▶ [Your goal]: Please repeat, unchanged, the lines at the top of the listing below, ending with the one that has "#161=IFCPRODUCTDEFINITIONSHAPE($,$,(#160));".

────────

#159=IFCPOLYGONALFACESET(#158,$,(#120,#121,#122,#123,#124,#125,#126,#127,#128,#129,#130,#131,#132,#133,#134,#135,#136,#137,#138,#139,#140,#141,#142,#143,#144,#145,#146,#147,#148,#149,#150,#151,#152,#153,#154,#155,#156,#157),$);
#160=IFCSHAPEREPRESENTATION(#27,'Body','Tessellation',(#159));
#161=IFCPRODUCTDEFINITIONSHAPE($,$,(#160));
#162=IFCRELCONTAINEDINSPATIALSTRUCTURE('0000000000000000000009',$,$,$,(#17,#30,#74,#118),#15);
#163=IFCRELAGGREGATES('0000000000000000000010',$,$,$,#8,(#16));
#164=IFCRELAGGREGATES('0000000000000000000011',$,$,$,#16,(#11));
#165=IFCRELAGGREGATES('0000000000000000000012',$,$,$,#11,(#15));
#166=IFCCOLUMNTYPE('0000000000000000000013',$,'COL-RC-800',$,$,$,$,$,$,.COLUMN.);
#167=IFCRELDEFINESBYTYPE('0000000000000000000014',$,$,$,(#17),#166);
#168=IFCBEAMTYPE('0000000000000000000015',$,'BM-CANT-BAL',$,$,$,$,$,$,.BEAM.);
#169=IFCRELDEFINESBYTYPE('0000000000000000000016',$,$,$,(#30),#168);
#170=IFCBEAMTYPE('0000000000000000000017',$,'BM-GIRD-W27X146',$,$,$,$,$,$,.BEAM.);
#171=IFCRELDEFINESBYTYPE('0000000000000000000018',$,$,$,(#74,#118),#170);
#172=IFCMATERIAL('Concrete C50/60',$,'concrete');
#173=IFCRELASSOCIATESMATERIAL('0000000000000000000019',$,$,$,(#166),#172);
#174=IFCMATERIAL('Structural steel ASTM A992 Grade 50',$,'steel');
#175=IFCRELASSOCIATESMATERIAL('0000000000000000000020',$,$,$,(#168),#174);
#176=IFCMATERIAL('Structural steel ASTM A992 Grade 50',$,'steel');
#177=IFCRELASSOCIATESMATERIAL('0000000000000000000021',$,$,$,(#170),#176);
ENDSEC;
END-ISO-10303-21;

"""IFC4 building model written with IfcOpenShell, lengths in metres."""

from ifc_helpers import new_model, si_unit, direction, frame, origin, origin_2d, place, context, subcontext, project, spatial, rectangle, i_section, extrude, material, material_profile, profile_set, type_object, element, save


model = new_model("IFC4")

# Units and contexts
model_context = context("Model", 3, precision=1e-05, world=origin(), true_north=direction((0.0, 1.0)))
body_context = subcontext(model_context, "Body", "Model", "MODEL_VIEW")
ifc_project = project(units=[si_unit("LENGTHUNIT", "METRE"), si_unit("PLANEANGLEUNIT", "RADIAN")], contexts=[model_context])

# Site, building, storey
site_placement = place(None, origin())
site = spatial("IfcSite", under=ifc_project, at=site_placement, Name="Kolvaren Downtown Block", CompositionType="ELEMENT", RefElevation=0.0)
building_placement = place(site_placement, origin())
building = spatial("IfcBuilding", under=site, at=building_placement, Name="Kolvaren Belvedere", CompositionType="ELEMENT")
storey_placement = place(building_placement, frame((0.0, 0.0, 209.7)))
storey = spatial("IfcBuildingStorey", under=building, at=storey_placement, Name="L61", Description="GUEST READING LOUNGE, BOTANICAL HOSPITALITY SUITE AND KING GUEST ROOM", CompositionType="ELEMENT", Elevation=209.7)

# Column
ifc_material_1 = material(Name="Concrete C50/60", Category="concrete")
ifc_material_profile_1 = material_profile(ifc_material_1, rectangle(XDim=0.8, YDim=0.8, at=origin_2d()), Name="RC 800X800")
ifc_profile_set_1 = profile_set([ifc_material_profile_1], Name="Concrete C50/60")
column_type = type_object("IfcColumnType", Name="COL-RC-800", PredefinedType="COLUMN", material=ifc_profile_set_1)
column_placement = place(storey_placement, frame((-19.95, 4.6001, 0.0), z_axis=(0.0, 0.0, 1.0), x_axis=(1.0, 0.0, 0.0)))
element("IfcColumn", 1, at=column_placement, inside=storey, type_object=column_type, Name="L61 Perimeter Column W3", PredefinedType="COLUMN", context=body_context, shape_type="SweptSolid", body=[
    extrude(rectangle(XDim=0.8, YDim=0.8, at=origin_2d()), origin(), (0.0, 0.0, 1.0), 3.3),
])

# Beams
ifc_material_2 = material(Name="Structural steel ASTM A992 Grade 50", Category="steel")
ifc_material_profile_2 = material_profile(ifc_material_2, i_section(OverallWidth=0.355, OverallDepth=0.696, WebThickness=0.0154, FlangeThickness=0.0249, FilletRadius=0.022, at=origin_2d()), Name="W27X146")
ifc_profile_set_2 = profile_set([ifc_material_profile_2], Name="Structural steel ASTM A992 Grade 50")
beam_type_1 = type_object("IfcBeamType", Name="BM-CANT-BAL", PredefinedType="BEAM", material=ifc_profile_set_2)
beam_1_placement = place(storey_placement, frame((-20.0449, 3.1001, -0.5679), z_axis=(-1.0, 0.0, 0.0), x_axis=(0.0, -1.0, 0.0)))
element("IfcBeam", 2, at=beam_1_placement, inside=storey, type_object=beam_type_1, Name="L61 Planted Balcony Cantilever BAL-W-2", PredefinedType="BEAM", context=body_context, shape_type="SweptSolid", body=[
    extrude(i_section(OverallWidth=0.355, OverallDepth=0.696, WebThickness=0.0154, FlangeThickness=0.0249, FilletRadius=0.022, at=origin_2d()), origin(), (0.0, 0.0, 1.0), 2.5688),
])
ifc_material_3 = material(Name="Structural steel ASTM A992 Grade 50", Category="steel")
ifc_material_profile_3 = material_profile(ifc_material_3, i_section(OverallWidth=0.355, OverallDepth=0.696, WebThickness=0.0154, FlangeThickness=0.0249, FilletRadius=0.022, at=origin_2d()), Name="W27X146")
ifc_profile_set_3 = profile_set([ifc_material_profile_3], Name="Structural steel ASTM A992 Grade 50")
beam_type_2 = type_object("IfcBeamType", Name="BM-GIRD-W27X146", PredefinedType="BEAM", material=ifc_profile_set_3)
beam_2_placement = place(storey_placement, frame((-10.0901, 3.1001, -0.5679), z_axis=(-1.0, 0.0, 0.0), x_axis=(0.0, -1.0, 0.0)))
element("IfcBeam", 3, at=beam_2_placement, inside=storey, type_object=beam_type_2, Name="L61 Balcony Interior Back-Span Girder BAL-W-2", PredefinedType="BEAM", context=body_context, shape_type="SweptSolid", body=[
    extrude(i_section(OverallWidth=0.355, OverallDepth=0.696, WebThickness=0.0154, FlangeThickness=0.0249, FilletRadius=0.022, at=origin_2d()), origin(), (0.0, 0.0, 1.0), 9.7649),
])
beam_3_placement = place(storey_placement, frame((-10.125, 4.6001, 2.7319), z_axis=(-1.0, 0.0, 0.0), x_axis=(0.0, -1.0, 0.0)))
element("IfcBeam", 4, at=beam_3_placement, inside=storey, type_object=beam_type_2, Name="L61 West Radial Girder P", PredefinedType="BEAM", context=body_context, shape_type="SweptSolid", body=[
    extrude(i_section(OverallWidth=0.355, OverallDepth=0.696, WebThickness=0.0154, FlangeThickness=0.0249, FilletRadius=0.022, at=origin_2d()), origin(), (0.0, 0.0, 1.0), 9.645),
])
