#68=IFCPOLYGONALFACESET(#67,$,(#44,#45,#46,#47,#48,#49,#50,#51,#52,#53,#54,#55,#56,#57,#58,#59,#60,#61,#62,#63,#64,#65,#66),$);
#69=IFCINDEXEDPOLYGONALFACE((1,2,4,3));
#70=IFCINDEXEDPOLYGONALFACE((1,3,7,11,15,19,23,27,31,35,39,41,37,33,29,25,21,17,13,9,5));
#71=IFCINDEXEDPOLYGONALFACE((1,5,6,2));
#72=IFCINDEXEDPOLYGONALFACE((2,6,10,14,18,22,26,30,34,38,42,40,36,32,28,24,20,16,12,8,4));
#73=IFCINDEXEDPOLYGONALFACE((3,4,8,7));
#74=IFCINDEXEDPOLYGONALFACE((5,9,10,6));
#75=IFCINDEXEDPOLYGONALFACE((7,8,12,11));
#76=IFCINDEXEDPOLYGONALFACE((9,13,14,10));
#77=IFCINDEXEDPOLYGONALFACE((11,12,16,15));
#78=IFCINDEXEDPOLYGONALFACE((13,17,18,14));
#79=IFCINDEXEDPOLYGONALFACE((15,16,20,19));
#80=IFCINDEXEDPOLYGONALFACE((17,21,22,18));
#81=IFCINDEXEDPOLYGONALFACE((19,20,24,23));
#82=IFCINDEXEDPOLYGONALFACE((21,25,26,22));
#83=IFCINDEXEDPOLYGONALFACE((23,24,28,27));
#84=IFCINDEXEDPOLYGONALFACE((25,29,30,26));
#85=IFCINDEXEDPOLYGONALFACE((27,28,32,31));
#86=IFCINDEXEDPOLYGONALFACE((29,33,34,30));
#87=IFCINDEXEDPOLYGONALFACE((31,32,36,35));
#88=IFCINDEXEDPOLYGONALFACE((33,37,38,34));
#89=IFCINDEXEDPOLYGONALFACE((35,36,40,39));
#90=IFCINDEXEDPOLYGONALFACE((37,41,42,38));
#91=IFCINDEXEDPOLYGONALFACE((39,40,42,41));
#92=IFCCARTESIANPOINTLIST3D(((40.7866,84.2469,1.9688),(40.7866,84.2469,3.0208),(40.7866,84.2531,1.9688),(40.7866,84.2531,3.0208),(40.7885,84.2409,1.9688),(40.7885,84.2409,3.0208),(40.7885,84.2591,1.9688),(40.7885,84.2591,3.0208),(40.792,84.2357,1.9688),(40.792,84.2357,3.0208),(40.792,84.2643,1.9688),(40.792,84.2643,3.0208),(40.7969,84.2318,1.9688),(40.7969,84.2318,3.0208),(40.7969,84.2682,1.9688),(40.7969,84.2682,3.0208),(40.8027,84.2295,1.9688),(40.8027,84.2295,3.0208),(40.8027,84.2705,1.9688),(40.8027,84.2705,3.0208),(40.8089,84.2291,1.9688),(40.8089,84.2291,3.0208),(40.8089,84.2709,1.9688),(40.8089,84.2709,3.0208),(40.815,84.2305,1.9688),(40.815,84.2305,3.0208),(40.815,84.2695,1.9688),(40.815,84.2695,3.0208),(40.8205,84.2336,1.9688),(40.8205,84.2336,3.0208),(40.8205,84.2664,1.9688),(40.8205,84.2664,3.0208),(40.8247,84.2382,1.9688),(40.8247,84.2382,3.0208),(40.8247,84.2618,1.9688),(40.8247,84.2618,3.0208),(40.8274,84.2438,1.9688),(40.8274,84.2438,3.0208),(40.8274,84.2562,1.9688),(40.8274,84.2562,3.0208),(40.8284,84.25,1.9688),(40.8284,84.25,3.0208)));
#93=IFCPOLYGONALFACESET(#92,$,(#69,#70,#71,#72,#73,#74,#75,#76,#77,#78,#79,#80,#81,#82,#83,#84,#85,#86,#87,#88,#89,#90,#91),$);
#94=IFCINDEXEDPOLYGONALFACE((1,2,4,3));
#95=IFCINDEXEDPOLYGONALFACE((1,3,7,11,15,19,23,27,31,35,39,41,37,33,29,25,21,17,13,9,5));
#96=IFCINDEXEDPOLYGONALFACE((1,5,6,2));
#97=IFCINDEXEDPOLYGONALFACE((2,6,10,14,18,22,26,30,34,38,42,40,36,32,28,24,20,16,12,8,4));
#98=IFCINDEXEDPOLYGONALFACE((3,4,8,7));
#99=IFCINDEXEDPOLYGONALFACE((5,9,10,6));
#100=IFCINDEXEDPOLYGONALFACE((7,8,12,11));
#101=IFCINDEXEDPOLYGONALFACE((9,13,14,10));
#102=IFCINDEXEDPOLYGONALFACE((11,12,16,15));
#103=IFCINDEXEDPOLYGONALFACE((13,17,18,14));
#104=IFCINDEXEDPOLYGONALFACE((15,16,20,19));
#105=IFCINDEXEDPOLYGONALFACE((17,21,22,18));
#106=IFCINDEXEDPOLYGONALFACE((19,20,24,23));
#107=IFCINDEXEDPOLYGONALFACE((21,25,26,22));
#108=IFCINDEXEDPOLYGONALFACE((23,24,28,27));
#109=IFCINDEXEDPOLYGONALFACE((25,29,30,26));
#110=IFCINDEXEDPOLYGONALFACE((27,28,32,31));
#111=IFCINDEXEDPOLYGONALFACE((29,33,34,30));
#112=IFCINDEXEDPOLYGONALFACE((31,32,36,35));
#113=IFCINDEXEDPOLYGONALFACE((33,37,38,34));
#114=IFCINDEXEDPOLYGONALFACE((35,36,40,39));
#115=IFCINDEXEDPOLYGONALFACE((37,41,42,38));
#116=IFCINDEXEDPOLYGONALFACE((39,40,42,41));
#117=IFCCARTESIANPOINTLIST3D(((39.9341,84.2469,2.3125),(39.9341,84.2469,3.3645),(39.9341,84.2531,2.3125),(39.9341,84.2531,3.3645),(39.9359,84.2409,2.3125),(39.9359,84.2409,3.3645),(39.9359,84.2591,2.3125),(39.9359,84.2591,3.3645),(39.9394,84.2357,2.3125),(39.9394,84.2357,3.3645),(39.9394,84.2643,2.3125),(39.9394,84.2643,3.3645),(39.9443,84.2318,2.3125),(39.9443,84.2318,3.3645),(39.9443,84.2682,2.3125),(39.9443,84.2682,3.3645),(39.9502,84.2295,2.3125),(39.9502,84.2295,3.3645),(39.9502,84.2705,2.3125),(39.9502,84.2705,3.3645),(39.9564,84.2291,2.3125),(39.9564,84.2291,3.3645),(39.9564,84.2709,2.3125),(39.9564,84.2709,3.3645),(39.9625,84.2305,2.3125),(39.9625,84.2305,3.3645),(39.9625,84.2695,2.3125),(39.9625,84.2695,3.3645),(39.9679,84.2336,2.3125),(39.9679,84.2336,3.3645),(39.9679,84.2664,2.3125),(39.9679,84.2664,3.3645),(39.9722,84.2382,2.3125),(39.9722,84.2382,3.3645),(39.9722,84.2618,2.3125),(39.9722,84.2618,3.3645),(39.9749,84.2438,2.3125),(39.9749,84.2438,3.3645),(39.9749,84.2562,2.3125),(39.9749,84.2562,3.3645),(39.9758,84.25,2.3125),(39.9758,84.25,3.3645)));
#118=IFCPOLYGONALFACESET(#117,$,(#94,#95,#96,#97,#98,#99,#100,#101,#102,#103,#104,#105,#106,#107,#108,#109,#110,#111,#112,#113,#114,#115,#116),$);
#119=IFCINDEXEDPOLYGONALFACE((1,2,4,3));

────────

▶ [Your response]:
#159=IFCPOLYGONALFACESET(#158,$,(#120,#121,#122,#123,#124,#125,#126,#127,#128,#129,#130,#131,#132,#133,#134,#135,#136,#137,#138,#139,#140,#141,#142,#143,#144,#145,#146,#147,#148,#149,#150,#151,#152,#153,#154,#155,#156,#157),$);
#160=IFCSHAPEREPRESENTATION(#27,'Body','Tessellation',(#159));
#161=IFCPRODUCTDEFINITIONSHAPE($,$,(#160));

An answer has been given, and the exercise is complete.